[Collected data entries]
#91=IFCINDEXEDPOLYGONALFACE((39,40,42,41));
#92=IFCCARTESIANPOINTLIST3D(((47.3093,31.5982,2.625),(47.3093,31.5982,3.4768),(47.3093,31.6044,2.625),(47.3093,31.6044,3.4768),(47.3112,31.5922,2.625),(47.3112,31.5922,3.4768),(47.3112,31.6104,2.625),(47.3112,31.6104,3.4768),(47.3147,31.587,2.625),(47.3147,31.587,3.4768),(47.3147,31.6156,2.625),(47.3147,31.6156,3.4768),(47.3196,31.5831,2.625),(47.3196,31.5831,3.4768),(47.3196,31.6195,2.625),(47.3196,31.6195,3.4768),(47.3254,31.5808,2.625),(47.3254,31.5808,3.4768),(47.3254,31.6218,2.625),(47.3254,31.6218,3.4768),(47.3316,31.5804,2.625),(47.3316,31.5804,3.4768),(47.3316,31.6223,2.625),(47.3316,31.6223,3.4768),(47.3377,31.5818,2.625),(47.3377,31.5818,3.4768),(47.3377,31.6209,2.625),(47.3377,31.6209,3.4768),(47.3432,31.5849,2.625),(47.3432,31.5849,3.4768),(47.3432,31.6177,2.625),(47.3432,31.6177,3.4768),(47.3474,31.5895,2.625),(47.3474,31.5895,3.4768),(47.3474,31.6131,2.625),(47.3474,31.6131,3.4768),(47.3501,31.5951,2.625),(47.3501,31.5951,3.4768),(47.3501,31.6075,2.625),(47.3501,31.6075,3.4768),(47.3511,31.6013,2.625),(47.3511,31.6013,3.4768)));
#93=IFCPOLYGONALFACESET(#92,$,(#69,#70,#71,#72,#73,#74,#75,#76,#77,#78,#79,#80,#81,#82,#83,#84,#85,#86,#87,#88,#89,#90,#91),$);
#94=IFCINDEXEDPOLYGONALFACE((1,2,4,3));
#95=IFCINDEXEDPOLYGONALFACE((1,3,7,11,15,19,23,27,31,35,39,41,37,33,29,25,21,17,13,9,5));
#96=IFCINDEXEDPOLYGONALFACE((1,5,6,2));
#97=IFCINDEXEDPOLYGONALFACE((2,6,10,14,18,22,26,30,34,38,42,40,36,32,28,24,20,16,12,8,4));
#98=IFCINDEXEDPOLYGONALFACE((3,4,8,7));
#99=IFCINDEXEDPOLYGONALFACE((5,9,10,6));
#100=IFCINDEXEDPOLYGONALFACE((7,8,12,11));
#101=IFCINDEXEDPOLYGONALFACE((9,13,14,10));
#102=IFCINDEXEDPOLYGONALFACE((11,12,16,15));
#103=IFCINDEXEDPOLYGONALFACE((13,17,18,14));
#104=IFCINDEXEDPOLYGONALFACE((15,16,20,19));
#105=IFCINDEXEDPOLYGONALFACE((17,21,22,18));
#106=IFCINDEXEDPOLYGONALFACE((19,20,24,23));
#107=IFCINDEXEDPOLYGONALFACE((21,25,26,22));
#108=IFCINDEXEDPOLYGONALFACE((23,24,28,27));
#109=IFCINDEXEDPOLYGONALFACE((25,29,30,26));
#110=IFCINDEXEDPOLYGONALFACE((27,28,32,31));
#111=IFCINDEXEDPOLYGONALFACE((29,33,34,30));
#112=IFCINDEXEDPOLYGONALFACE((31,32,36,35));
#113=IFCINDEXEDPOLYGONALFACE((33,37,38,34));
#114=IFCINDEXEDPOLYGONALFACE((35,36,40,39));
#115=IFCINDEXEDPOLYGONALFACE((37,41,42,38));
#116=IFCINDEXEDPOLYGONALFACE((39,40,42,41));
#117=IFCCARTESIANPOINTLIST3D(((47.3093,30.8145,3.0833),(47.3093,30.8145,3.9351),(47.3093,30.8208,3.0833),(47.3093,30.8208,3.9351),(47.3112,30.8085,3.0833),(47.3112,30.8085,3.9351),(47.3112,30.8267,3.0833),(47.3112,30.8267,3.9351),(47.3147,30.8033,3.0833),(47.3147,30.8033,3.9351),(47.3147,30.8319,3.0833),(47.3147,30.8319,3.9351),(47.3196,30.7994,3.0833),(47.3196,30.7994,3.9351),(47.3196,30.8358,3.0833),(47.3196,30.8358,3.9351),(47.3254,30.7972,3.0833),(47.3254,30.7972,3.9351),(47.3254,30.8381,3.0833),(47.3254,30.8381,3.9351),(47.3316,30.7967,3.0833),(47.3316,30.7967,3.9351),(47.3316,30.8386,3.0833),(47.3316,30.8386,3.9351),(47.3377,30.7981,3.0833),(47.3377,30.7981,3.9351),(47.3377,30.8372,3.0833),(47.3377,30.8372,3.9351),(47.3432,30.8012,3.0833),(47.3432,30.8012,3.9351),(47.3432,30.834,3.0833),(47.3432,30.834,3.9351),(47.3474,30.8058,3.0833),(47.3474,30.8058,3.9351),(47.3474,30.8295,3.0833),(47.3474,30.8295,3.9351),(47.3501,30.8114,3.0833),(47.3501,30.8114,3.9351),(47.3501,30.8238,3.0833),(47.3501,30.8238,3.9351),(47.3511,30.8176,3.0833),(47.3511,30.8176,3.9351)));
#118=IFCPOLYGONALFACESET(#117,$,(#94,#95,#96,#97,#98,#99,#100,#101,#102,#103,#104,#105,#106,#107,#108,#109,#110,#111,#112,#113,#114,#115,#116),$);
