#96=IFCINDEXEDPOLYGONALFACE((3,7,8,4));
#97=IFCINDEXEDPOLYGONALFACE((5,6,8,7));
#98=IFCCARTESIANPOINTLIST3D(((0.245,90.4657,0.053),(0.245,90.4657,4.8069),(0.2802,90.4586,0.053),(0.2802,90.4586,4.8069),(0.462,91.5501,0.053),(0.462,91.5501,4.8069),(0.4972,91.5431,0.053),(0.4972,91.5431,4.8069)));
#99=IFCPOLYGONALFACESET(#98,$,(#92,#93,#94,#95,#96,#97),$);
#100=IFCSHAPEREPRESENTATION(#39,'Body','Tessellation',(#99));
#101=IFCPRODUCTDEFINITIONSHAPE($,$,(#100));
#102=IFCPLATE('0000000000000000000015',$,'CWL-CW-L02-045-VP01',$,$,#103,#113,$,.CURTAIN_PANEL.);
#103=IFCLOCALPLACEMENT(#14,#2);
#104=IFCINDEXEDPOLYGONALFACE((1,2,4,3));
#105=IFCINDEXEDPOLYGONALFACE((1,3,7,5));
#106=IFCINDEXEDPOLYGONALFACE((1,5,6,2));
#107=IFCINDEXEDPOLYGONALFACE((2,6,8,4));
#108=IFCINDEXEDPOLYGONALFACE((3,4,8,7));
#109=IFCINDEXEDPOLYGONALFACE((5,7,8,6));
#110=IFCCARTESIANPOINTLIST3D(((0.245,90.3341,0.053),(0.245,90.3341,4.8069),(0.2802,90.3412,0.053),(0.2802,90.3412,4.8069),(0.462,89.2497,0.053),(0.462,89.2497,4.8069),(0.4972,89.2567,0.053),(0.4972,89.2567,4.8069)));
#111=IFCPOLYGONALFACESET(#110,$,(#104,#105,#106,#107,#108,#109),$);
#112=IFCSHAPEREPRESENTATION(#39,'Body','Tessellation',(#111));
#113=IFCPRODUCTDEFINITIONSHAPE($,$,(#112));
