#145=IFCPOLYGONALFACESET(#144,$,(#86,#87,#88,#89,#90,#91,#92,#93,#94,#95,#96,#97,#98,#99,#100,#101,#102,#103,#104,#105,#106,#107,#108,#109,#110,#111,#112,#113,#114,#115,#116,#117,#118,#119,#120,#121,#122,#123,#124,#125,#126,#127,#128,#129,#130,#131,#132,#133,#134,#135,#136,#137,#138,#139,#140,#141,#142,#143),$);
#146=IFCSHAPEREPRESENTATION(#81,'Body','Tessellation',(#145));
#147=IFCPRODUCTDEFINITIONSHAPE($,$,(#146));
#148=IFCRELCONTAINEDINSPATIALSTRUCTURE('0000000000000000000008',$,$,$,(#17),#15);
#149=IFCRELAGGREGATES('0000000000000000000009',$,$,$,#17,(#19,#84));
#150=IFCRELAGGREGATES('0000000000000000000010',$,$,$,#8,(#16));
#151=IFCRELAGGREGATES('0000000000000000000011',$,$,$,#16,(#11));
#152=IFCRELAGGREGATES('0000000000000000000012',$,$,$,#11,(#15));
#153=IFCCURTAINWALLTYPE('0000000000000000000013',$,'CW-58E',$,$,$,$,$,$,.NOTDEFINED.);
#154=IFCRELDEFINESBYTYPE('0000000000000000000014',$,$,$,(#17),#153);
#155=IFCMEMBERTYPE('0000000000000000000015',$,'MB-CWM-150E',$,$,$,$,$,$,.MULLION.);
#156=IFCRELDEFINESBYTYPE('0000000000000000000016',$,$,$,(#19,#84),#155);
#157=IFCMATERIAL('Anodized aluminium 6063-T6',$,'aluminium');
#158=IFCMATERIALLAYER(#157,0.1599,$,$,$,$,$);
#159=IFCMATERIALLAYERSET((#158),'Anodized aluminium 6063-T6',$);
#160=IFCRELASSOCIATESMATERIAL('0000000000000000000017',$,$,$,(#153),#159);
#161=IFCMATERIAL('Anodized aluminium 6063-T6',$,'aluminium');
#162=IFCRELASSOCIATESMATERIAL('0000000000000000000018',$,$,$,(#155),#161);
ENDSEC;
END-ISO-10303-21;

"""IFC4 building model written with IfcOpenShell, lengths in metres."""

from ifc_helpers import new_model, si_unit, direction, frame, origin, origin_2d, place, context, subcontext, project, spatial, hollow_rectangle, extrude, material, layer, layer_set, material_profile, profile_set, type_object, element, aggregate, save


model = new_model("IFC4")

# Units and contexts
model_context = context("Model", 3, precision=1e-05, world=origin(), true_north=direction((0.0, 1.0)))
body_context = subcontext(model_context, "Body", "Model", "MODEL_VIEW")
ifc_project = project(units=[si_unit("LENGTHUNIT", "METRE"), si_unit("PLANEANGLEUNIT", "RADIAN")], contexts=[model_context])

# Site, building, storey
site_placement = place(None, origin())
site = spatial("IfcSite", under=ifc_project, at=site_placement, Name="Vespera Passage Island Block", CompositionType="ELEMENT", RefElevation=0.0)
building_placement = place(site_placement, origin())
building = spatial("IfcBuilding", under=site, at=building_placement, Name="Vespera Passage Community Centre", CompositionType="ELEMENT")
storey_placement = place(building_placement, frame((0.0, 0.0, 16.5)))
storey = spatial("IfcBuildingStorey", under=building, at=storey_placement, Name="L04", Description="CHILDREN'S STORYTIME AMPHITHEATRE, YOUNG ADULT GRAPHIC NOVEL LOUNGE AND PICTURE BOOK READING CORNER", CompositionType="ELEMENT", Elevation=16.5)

==

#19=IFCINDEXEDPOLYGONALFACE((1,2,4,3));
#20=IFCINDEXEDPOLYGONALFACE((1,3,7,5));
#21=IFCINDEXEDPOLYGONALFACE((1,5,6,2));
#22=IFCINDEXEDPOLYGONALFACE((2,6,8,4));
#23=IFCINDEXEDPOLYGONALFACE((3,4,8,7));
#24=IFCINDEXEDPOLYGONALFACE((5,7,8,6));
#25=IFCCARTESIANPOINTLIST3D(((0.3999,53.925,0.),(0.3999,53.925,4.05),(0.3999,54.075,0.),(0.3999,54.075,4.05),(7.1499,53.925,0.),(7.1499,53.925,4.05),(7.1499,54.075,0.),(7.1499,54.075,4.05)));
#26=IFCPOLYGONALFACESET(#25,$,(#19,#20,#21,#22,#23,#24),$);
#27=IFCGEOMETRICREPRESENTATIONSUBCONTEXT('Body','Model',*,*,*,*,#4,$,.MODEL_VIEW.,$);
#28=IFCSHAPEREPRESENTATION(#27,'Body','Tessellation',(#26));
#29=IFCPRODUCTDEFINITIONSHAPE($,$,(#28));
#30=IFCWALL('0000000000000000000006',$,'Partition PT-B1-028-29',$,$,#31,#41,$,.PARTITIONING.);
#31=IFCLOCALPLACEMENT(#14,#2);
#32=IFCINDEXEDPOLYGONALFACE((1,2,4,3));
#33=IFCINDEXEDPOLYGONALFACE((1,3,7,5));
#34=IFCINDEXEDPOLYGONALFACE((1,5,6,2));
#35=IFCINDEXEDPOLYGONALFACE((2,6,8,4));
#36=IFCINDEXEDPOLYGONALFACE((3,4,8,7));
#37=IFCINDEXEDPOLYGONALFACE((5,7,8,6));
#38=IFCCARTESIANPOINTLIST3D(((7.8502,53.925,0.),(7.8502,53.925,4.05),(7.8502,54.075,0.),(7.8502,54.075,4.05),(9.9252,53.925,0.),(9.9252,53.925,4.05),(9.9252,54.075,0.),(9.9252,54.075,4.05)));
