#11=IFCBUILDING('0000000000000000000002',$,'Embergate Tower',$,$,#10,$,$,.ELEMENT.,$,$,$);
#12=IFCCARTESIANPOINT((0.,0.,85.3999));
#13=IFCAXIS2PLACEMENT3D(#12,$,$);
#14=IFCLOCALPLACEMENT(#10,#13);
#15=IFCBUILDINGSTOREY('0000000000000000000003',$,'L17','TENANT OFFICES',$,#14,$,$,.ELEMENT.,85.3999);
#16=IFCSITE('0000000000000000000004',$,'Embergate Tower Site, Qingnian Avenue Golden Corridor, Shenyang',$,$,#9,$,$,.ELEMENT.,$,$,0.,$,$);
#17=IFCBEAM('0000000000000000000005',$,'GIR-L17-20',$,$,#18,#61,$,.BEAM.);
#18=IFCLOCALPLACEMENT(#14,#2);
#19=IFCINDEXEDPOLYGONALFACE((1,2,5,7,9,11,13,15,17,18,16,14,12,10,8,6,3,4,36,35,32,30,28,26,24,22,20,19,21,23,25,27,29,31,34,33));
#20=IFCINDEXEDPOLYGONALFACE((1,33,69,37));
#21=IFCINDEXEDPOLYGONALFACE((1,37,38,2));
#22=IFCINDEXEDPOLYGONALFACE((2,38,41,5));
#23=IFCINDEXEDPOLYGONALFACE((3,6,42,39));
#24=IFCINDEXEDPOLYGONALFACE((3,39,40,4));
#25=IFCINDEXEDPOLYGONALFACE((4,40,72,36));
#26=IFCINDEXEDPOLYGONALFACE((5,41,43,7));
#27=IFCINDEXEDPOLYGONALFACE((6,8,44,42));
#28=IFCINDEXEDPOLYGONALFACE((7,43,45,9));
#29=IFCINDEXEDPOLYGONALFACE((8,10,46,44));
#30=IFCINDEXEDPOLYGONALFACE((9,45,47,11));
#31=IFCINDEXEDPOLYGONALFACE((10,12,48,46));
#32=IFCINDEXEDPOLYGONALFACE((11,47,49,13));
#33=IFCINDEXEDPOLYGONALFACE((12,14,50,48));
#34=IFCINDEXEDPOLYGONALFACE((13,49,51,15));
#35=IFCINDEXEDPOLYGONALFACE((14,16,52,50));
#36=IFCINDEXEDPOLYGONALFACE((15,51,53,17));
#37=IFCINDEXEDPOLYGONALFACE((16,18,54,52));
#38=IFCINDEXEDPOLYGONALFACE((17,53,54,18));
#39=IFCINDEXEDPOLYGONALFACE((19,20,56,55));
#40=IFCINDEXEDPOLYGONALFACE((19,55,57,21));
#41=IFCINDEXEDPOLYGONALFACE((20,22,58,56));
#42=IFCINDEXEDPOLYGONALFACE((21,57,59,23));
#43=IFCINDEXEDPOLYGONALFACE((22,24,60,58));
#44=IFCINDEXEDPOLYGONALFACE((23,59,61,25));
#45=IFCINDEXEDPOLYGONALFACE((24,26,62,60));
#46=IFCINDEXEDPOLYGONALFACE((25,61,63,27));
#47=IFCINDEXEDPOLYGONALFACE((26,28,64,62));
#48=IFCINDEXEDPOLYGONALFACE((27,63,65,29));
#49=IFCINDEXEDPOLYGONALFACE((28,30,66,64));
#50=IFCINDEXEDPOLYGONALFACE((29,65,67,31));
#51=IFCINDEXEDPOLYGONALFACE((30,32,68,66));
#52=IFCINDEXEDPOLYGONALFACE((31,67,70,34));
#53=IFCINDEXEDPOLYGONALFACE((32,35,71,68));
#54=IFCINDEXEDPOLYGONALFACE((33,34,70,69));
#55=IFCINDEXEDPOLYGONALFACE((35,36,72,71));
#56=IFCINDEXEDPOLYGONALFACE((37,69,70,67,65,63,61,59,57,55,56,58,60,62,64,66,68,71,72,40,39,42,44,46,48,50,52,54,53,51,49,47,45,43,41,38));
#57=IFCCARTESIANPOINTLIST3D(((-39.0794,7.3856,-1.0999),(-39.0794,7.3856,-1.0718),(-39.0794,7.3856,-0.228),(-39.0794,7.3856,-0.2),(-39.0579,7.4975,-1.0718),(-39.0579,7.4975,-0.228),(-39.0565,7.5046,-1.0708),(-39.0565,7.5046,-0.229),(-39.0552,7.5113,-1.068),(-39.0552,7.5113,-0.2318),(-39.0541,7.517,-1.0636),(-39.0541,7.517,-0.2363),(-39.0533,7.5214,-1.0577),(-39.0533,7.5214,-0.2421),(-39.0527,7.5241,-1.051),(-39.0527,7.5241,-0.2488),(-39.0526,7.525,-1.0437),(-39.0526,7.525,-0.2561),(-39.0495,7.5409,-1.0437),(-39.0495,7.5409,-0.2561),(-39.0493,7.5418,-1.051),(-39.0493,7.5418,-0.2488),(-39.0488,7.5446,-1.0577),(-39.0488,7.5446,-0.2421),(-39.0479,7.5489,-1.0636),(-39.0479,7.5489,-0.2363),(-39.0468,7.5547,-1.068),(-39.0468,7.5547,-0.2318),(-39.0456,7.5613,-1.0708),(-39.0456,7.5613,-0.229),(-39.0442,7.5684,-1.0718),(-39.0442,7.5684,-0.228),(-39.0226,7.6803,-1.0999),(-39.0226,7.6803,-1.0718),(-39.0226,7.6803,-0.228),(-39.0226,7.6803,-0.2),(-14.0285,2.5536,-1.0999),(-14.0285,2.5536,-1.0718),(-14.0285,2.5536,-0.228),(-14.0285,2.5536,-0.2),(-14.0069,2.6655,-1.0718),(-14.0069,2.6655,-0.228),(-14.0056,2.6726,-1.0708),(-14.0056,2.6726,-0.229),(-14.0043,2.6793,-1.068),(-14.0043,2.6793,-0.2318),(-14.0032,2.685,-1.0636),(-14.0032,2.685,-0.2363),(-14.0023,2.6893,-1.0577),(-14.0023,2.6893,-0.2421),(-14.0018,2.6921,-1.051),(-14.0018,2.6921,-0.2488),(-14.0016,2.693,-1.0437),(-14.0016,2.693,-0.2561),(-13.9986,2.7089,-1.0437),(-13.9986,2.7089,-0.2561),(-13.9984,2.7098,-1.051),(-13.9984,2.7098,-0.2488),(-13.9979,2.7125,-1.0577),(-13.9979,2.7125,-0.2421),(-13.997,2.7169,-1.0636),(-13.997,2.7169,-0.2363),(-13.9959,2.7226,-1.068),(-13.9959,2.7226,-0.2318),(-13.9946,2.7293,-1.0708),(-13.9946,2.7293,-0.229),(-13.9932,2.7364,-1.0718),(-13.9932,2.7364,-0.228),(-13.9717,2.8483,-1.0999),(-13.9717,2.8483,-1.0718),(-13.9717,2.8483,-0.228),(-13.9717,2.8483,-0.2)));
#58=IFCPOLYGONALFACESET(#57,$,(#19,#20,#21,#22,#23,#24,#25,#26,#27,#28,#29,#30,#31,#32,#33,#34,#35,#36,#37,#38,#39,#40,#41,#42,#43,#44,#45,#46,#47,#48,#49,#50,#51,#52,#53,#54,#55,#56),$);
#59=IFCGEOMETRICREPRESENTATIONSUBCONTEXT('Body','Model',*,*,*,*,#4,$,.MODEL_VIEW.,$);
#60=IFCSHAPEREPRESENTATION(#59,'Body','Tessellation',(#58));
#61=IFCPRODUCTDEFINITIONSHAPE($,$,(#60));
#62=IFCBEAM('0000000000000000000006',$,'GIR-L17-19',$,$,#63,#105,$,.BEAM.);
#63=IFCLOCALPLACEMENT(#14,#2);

[EXERCISE INSTRUCTIONS]
Return, from the data, each line that has the word "IFCRELASSOCIATESMATERIAL" in it.

[RESULT OF THE TASK]
#160=IFCRELASSOCIATESMATERIAL('0000000000000000000017',$,$,$,(#153),#159);
#162=IFCRELASSOCIATESMATERIAL('0000000000000000000018',$,$,$,(#155),#161);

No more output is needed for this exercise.